What you should do –
Count each line below that has "IFCSHAPEREPRESENTATION" anywhere in it. Answer with the total alone.

Records from a data collection –
*** Block opens ***
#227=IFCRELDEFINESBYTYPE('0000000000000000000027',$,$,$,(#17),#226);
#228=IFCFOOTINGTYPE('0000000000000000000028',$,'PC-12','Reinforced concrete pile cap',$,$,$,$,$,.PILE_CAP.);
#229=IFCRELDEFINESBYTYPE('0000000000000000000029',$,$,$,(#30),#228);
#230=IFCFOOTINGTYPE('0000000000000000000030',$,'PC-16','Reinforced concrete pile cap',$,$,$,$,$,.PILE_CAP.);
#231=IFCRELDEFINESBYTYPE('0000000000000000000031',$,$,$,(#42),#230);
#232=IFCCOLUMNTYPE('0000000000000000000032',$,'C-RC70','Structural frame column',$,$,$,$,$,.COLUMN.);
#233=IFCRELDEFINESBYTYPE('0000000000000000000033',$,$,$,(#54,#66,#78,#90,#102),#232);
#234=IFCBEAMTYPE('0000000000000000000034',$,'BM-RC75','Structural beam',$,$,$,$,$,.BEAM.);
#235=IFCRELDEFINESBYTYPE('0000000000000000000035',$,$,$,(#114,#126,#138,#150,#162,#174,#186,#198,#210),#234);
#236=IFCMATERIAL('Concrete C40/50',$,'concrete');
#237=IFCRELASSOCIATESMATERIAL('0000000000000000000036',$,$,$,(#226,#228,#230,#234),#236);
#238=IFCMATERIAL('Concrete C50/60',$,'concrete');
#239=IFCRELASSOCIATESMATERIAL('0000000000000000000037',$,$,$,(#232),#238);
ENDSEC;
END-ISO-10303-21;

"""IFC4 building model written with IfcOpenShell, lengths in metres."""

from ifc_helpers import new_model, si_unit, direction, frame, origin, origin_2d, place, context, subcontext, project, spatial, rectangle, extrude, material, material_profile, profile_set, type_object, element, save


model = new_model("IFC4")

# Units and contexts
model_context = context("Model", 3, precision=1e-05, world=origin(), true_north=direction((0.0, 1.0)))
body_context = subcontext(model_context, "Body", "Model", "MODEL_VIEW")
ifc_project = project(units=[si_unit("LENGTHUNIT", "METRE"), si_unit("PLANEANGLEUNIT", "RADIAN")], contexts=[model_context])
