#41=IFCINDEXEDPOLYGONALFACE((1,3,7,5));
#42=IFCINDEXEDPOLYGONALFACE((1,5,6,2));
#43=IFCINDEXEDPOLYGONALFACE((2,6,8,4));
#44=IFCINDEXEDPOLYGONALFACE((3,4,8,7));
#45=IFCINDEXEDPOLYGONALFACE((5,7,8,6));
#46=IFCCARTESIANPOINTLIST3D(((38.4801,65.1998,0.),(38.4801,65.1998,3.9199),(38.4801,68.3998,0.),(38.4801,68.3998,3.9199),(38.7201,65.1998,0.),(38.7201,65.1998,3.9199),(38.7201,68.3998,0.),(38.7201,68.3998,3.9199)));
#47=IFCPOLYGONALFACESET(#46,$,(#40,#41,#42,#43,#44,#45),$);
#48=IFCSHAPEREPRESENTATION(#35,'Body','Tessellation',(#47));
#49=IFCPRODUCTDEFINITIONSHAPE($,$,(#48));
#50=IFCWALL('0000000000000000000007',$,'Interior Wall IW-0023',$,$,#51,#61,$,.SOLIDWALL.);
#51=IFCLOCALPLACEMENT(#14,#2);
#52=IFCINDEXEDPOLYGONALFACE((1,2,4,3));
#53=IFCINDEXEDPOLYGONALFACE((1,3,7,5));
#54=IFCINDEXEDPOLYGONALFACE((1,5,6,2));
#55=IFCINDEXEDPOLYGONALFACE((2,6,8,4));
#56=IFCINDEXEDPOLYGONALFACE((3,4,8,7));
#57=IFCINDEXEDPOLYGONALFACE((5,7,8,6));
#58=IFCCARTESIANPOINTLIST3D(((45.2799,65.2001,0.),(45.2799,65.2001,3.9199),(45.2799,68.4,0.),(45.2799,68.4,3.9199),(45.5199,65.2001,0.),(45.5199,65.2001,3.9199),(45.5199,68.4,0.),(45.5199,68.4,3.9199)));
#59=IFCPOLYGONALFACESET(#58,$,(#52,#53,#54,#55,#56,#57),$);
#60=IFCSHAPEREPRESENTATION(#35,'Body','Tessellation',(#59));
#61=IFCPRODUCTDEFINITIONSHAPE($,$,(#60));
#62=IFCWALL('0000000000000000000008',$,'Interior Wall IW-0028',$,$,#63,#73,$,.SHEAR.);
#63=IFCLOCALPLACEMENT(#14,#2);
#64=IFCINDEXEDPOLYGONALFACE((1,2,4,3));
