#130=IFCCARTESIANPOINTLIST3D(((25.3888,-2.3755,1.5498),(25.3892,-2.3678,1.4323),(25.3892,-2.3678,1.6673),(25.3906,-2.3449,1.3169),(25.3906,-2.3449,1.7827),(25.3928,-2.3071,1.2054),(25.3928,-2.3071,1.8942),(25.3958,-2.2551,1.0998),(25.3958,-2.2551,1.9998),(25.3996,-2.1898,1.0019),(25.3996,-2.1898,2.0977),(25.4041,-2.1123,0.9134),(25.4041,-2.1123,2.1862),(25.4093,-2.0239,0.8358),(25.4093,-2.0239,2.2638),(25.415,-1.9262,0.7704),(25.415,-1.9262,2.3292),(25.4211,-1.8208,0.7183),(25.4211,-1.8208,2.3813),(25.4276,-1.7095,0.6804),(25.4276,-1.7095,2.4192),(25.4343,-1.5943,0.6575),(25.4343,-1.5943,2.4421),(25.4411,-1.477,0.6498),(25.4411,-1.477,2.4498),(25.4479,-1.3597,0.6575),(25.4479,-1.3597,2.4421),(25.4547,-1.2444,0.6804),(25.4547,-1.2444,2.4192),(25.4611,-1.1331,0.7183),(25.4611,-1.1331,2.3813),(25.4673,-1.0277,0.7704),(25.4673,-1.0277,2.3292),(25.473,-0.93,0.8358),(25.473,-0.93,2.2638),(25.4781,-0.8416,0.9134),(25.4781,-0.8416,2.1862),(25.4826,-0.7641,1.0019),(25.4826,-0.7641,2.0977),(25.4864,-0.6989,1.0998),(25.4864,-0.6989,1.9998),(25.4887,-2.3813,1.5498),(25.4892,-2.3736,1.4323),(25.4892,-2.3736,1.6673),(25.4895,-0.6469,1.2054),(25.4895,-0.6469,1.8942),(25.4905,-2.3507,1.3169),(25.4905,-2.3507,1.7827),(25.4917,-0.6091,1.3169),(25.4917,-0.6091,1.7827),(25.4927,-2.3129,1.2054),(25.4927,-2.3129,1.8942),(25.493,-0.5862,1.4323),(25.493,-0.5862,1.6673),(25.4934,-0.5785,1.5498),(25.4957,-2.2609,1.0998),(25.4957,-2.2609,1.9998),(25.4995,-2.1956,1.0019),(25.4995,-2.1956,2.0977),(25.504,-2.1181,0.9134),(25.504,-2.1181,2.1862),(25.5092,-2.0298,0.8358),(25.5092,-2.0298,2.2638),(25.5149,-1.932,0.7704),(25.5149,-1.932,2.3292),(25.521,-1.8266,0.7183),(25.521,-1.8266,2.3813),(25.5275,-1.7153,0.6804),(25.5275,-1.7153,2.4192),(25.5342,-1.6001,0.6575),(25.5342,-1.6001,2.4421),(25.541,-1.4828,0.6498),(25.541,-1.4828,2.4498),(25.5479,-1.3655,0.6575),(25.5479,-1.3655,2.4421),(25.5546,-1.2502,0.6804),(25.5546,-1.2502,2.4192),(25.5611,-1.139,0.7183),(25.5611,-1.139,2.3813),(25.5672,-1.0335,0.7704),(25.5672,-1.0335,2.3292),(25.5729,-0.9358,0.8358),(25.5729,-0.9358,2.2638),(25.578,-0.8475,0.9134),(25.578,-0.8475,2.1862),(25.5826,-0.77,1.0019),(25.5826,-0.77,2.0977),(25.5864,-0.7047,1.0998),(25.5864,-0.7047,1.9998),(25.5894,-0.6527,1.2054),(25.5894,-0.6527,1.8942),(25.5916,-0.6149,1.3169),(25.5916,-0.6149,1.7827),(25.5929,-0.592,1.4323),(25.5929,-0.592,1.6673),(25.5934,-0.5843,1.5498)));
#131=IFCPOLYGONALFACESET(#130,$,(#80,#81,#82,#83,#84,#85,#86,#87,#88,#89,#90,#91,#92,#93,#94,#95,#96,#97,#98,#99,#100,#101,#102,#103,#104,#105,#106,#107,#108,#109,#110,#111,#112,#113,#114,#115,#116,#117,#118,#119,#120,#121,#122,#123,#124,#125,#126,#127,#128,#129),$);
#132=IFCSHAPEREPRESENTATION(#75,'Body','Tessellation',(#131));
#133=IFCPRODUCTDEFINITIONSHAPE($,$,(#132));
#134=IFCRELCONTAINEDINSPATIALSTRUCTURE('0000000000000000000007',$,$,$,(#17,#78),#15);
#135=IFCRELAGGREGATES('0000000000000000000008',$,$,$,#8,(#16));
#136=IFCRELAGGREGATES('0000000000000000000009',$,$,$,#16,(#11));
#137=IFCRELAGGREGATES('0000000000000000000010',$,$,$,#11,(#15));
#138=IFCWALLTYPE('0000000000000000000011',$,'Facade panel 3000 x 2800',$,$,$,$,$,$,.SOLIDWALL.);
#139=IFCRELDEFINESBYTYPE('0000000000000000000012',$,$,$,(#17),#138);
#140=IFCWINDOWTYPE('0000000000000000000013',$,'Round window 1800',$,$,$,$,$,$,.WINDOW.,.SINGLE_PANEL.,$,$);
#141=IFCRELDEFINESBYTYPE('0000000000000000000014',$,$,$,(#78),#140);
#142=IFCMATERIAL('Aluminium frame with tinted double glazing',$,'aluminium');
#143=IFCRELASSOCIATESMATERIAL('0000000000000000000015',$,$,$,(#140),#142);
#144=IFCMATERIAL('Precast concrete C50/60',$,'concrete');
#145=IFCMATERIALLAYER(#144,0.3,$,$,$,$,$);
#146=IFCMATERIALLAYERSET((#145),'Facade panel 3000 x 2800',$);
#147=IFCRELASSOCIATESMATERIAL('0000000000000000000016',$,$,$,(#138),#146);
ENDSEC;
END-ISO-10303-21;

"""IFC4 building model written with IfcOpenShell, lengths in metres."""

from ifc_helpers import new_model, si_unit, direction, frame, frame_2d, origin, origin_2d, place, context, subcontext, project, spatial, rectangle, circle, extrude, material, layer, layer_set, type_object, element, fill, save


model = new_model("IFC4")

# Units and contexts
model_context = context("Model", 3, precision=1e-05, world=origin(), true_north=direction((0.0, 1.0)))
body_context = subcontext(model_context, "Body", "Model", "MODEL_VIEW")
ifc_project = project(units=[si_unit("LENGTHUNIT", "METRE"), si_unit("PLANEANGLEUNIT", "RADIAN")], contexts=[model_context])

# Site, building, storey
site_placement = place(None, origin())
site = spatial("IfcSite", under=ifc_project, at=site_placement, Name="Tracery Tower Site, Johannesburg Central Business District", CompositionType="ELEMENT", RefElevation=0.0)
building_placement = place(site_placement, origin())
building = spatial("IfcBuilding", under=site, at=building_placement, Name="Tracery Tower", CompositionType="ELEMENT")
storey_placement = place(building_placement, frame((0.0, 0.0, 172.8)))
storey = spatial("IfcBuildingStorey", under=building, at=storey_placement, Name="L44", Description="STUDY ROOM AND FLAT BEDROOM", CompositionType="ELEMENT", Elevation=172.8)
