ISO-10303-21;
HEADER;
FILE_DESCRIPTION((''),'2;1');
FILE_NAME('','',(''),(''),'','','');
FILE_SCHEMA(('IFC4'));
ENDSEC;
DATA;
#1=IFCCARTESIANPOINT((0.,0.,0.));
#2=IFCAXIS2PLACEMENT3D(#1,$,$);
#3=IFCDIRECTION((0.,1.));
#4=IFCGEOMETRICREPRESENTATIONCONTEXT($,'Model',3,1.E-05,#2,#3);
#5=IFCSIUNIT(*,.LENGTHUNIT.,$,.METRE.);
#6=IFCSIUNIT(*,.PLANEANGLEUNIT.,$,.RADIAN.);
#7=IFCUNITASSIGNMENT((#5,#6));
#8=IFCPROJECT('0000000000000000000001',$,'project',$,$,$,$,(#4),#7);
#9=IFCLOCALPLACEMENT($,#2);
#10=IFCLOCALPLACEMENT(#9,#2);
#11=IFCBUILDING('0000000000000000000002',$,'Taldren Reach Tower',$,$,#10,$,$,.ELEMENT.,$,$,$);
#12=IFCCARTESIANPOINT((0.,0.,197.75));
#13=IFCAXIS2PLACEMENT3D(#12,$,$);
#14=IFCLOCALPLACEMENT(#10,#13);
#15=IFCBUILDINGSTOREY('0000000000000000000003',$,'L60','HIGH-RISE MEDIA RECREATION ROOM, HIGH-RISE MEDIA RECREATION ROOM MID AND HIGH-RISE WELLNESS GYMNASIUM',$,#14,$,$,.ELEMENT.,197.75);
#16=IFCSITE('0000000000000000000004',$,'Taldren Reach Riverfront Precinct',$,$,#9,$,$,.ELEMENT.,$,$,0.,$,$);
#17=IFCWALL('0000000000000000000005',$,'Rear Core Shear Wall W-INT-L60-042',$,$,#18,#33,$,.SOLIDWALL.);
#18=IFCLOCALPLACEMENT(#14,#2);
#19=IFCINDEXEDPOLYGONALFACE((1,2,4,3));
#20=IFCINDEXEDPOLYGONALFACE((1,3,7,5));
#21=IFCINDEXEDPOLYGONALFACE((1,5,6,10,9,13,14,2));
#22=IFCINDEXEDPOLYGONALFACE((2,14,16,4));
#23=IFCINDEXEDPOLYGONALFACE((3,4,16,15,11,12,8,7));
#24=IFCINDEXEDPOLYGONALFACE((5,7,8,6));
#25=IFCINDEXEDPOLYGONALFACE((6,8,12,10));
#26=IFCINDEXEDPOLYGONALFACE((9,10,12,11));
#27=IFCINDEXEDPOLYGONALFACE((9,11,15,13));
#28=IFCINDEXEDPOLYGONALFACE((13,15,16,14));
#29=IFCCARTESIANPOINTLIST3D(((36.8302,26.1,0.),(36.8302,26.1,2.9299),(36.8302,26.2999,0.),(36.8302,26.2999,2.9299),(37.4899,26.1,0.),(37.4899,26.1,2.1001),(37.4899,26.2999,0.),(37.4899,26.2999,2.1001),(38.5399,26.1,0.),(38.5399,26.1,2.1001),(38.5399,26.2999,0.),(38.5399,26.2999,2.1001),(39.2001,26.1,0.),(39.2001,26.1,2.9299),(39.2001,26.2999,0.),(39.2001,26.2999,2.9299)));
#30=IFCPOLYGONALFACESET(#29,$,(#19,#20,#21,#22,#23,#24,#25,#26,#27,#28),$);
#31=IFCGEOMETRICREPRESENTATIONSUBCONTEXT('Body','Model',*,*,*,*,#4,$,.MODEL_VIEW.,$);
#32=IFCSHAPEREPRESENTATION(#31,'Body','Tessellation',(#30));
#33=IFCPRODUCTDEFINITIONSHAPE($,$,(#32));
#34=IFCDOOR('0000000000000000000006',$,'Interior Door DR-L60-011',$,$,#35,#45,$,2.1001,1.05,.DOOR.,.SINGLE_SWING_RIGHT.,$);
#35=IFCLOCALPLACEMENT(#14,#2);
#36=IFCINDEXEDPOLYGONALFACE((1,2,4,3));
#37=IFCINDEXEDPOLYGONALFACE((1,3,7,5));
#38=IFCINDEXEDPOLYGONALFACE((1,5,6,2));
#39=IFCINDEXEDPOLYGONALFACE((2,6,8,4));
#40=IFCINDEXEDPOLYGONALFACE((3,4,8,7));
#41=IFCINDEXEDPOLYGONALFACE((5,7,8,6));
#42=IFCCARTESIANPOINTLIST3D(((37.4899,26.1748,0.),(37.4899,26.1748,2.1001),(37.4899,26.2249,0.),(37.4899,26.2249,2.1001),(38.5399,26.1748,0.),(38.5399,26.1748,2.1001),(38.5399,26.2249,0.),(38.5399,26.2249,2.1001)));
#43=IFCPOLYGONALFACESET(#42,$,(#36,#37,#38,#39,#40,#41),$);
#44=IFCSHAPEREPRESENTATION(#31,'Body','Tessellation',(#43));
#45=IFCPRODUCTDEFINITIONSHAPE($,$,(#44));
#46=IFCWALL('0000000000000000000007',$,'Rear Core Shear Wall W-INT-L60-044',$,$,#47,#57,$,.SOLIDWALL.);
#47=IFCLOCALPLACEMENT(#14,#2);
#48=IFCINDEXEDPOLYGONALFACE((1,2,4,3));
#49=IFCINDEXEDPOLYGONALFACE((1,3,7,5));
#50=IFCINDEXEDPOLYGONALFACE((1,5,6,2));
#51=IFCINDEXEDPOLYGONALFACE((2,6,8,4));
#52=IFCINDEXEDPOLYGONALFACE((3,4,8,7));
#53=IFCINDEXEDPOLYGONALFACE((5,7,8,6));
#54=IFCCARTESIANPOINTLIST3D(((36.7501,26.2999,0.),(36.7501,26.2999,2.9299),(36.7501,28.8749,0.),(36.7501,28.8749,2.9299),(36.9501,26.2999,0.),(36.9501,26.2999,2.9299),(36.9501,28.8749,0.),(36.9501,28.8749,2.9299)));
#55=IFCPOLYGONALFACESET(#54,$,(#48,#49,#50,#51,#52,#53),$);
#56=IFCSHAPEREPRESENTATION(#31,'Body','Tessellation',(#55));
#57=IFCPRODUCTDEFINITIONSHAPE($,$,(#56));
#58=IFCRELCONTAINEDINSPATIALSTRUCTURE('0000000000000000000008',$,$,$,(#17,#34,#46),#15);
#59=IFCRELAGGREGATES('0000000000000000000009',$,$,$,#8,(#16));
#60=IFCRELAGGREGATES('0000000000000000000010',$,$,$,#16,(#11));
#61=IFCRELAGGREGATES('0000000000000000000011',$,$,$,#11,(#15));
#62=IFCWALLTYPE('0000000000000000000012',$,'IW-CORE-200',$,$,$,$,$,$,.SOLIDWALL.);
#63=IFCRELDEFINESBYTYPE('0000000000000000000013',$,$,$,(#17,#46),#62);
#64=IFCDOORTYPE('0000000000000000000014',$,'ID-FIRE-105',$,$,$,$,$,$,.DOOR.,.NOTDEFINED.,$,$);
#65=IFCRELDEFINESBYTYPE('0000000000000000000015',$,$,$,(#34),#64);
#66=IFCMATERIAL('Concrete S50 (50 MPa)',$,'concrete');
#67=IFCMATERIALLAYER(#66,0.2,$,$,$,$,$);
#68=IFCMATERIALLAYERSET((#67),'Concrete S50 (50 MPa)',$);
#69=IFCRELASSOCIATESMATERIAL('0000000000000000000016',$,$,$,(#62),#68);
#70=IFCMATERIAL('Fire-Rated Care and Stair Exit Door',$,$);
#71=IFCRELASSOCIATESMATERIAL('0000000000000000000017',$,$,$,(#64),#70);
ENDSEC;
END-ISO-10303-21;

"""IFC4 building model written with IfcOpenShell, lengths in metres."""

from ifc_helpers import new_model, si_unit, direction, frame, frame_2d, origin, place, context, subcontext, project, spatial, rectangle, extrude, source, transform, mapped, material, layer, layer_set, type_object, element, fill, save


model = new_model("IFC4")

# Units and contexts
model_context = context("Model", 3, precision=1e-05, world=origin(), true_north=direction((0.0, 1.0)))
body_context = subcontext(model_context, "Body", "Model", "MODEL_VIEW")
ifc_project = project(units=[si_unit("LENGTHUNIT", "METRE"), si_unit("PLANEANGLEUNIT", "RADIAN")], contexts=[model_context])

# Site, building, storey
site_placement = place(None, origin())
site = spatial("IfcSite", under=ifc_project, at=site_placement, Name="Taldren Reach Riverfront Precinct", CompositionType="ELEMENT", RefElevation=0.0)
building_placement = place(site_placement, origin())
building = spatial("IfcBuilding", under=site, at=building_placement, Name="Taldren Reach Tower", CompositionType="ELEMENT")
storey_placement = place(building_placement, frame((0.0, 0.0, 197.75)))
storey = spatial("IfcBuildingStorey", under=building, at=storey_placement, Name="L60", Description="HIGH-RISE MEDIA RECREATION ROOM, HIGH-RISE MEDIA RECREATION ROOM MID AND HIGH-RISE WELLNESS GYMNASIUM", CompositionType="ELEMENT", Elevation=197.75)

# Shared definitions
ifc_material_1 = material(Name="Concrete S50 (50 MPa)", Category="concrete")
ifc_layer_1 = layer(ifc_material_1, 0.2)
ifc_layer_set_1 = layer_set([ifc_layer_1], Name="Concrete S50 (50 MPa)")
wall_type_1 = type_object("IfcWallType", Name="IW-CORE-200", PredefinedType="SOLIDWALL", material=ifc_layer_set_1)

# Shared definitions
shared_shape_1 = source(origin(), body_context, "Body", "SweptSolid", [
    extrude(rectangle(XDim=1.05, YDim=2.1001, at=frame_2d((0.5249, 1.05))), frame((0.0, 0.1099, 0.0), z_axis=(0.0, -1.0, 0.0), x_axis=(1.0, 0.0, 0.0)), (0.0, 0.0, 1.0), 0.22),
])
ifc_material_2 = material(Name="Fire-Rated Care and Stair Exit Door")
door_type_1 = type_object("IfcDoorType", Name="ID-FIRE-105", OperationType="NOTDEFINED", PredefinedType="DOOR", material=ifc_material_2)
shared_shape_2 = source(origin(), body_context, "Body", "SweptSolid", [
    extrude(rectangle(XDim=1.05, YDim=2.1001, at=frame_2d((0.5249, 1.05))), frame((0.0, 0.0249, 0.0), z_axis=(0.0, -1.0, 0.0), x_axis=(1.0, 0.0, 0.0)), (0.0, 0.0, 1.0), 0.05),
])

# Wall, opening, door
shared_shape_3 = source(origin(), body_context, "Body", "SweptSolid", [
    extrude(rectangle(XDim=2.3699, YDim=0.2, at=frame_2d((1.1851, 0.0))), origin(), (0.0, 0.0, 1.0), 2.9299),
])
wall_1_placement = place(storey_placement, frame((36.8301, 26.2, 0.0), z_axis=(0.0, 0.0, 1.0), x_axis=(1.0, 0.0, 0.0)))
wall_1 = element("IfcWall", 1, at=wall_1_placement, inside=storey, type_object=wall_type_1, Name="Rear Core Shear Wall W-INT-L60-042", PredefinedType="SOLIDWALL", context=body_context, shape_type="MappedRepresentation", body=[
    mapped(shared_shape_3, transform((0.0, 0.0, 0.0), scale=1.0)),
])
opening_1_placement = place(wall_1_placement, frame((0.6599, 0.0, 0.0)))
opening_1 = element("IfcOpeningElement", 2, at=opening_1_placement, cuts=wall_1, PredefinedType="OPENING", context=body_context, shape_type="MappedRepresentation", body=[
    mapped(shared_shape_1, transform((0.0, 0.0, 0.0), scale=1.0)),
])
door_1_placement = place(opening_1_placement, origin())
door_1 = element("IfcDoor", 3, at=door_1_placement, inside=storey, type_object=door_type_1, Name="Interior Door DR-L60-011", OperationType="SINGLE_SWING_RIGHT", OverallHeight=2.1001, OverallWidth=1.05, PredefinedType="DOOR", context=body_context, shape_type="MappedRepresentation", body=[
    mapped(shared_shape_2, transform((0.0, 0.0, 0.0), scale=1.0)),
])
fill(opening_1, door_1)

# Wall
shared_shape_4 = source(origin(), body_context, "Body", "SweptSolid", [
    extrude(rectangle(XDim=2.575, YDim=0.2, at=frame_2d((1.2876, 0.0))), origin(), (0.0, 0.0, 1.0), 2.9299),
])
wall_2_placement = place(storey_placement, frame((36.8501, 28.875, 0.0), z_axis=(0.0, 0.0, 1.0), x_axis=(0.0, -1.0, 0.0)))
element("IfcWall", 4, at=wall_2_placement, inside=storey, type_object=wall_type_1, Name="Rear Core Shear Wall W-INT-L60-044", PredefinedType="SOLIDWALL", context=body_context, shape_type="MappedRepresentation", body=[
    mapped(shared_shape_4, transform((0.0, 0.0, 0.0), scale=1.0)),
])

save(model, "model.ifc")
*** Block closes ***
Result –
6